━━━━━ INPUT

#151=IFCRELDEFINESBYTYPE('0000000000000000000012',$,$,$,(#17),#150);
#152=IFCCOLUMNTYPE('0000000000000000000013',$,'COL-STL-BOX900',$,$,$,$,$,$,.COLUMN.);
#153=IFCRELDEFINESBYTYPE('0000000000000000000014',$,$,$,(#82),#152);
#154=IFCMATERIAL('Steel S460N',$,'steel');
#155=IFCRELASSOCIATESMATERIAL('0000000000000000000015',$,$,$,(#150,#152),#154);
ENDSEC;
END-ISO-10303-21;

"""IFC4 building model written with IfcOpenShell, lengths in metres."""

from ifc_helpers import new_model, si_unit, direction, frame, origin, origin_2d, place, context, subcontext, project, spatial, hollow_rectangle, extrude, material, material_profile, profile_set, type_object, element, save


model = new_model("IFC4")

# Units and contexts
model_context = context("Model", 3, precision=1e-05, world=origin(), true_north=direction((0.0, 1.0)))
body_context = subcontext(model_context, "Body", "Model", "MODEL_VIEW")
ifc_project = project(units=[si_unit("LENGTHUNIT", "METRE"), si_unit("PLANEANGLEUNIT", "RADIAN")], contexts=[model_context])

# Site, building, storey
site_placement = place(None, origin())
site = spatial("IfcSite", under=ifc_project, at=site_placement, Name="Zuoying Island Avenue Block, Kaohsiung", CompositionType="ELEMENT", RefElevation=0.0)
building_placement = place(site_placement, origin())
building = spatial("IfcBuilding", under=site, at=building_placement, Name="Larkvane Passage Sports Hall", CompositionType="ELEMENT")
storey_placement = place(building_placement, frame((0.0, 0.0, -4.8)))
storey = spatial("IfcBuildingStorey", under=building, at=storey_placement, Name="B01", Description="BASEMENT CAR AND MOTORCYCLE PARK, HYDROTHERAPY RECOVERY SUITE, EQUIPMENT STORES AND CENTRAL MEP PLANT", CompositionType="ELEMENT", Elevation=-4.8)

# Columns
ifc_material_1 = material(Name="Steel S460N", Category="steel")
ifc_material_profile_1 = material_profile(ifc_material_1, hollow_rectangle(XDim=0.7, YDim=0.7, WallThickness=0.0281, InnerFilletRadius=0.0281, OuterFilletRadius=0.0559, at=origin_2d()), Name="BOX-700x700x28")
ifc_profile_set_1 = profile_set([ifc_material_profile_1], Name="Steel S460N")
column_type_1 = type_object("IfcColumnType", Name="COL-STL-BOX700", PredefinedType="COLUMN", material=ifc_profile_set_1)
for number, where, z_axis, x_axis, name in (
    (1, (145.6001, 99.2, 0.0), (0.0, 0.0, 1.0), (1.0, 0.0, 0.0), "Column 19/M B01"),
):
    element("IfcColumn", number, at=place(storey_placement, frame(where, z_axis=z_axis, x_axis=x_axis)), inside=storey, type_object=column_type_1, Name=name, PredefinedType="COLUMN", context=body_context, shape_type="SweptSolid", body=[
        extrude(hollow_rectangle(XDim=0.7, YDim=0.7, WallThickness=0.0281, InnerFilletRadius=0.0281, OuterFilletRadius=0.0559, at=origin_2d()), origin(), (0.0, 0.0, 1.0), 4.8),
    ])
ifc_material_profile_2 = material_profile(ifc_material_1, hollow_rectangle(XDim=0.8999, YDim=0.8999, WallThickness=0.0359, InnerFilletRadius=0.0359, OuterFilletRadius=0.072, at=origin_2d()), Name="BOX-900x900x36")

━━━━━━━━━━

▶ **HOW TO COMPLETE THIS TASK**: Only lines that hold the string "Steel" belong in the answer, so copy every one of them from the records.

▶ **EXERCISE RESULT**:
#154=IFCMATERIAL('Steel S460N',$,'steel');
ifc_material_1 = material(Name="Steel S460N", Category="steel")
ifc_profile_set_1 = profile_set([ifc_material_profile_1], Name="Steel S460N")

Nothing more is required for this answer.